- Task -
Where a line of the entries holds the string "Radius", copy that line.
[Excerpted records]
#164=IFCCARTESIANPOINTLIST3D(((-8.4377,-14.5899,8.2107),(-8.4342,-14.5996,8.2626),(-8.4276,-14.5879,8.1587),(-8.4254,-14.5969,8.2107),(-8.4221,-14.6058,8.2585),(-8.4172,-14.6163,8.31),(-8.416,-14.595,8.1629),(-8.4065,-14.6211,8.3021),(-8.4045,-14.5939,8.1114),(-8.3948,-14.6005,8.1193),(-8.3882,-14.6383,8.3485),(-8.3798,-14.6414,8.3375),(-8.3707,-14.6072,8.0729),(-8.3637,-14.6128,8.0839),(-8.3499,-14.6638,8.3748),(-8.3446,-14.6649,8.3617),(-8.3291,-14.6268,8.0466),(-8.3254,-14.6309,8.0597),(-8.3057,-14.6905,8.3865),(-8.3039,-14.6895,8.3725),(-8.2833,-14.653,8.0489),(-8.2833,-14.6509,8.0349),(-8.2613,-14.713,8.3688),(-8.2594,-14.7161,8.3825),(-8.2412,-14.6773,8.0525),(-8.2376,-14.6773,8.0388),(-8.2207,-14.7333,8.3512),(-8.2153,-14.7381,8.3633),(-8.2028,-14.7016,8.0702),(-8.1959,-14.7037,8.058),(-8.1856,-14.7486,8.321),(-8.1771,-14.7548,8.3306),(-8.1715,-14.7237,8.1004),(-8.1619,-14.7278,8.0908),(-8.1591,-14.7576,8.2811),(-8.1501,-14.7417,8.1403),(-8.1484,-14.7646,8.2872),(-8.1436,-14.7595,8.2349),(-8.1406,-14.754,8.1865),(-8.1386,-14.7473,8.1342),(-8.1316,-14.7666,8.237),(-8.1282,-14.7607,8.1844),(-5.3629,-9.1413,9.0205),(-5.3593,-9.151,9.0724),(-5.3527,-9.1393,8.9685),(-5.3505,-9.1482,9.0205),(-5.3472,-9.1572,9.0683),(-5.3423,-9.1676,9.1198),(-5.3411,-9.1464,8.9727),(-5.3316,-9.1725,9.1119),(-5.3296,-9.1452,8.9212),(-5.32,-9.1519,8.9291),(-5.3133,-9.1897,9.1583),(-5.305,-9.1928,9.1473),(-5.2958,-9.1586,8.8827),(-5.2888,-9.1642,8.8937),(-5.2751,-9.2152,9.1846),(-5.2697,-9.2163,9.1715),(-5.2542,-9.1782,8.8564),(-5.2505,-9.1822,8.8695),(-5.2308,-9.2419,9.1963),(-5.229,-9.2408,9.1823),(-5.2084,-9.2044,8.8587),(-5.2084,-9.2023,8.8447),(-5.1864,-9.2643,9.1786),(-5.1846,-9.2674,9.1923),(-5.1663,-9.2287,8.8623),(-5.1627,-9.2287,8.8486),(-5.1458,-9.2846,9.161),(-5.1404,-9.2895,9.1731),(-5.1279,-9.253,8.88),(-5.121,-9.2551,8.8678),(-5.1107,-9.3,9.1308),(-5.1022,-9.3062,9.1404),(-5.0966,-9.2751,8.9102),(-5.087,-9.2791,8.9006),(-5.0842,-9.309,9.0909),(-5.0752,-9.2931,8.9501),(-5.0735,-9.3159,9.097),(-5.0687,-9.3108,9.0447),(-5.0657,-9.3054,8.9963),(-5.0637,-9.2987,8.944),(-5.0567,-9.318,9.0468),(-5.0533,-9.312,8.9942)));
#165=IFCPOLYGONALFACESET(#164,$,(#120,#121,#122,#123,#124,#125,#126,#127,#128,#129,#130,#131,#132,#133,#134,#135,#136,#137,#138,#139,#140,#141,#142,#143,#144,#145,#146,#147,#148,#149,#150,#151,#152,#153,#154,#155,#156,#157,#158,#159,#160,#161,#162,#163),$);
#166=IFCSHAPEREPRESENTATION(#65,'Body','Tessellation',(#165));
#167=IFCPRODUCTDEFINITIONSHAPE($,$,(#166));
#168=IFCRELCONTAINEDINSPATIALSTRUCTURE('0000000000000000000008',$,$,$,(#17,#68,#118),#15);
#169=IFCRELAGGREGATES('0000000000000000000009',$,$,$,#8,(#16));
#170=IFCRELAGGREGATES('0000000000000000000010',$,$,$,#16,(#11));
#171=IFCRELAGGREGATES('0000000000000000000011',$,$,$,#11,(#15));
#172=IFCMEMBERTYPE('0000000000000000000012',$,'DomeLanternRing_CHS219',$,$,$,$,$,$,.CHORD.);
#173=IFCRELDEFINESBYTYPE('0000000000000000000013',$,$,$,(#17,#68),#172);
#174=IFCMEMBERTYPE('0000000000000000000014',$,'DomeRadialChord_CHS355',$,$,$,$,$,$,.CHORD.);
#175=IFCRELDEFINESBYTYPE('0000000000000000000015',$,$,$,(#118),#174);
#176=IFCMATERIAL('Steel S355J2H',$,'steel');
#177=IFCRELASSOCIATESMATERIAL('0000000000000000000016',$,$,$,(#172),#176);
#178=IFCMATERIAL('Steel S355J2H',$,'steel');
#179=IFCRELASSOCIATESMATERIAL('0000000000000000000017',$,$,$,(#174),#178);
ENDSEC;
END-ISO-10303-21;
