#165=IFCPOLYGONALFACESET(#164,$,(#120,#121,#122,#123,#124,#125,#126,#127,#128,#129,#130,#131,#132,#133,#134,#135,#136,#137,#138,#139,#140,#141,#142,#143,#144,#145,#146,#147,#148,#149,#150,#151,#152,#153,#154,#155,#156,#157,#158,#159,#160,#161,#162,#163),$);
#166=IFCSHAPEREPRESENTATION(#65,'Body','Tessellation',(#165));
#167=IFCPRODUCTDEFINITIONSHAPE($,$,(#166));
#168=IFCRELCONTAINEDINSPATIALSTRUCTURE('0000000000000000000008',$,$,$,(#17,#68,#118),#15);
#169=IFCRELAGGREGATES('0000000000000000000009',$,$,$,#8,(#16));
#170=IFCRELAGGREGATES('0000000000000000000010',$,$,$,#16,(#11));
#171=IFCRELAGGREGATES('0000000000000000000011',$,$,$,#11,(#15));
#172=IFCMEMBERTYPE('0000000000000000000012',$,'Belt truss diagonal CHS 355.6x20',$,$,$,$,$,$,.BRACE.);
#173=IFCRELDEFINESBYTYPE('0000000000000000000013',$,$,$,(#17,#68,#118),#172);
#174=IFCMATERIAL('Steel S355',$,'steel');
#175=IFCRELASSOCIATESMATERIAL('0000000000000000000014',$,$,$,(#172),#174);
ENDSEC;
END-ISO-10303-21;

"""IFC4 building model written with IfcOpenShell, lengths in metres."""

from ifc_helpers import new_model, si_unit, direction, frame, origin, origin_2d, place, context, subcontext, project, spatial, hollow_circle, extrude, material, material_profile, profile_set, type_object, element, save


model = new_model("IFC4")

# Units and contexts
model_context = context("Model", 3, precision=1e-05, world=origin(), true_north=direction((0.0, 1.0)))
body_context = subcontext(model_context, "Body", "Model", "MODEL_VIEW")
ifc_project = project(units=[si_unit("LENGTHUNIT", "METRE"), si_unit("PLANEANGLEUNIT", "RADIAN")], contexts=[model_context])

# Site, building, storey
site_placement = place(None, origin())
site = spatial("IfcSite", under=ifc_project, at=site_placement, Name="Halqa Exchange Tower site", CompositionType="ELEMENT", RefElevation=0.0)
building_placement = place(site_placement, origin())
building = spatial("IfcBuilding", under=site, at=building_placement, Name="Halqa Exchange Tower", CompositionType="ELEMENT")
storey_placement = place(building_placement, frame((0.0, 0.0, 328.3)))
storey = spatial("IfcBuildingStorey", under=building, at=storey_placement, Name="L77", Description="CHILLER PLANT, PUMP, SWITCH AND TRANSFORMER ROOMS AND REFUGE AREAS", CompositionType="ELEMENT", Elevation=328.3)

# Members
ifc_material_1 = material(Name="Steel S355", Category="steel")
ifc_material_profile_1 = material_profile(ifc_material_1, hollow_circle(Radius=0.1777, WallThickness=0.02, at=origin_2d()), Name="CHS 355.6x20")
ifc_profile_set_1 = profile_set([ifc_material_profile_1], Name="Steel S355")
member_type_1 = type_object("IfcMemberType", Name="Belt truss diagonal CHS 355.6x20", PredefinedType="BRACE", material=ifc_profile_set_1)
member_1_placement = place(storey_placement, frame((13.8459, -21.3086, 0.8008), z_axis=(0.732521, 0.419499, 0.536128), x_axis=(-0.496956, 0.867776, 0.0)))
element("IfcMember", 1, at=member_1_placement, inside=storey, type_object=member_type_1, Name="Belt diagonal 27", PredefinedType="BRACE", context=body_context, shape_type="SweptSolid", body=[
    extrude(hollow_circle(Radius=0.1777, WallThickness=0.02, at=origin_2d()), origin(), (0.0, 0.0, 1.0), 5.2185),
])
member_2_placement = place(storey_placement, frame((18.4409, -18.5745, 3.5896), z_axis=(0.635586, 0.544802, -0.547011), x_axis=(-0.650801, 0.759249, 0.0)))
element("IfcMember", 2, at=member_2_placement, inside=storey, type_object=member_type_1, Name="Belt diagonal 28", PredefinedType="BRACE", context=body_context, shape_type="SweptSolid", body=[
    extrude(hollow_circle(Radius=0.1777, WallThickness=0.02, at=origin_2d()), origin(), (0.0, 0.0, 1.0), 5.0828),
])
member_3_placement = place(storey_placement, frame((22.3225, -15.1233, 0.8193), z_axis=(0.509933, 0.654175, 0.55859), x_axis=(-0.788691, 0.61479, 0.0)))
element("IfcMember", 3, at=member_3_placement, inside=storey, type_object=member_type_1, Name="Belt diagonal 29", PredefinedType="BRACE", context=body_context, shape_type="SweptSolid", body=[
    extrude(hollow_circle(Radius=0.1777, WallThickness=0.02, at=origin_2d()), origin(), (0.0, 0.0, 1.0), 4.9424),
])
[/Excerpted records]
- Answer to the problem -
ifc_material_profile_1 = material_profile(ifc_material_1, hollow_circle(Radius=0.1777, WallThickness=0.02, at=origin_2d()), Name="CHS 355.6x20")
    extrude(hollow_circle(Radius=0.1777, WallThickness=0.02, at=origin_2d()), origin(), (0.0, 0.0, 1.0), 5.2185),
    extrude(hollow_circle(Radius=0.1777, WallThickness=0.02, at=origin_2d()), origin(), (0.0, 0.0, 1.0), 5.0828),
    extrude(hollow_circle(Radius=0.1777, WallThickness=0.02, at=origin_2d()), origin(), (0.0, 0.0, 1.0), 4.9424),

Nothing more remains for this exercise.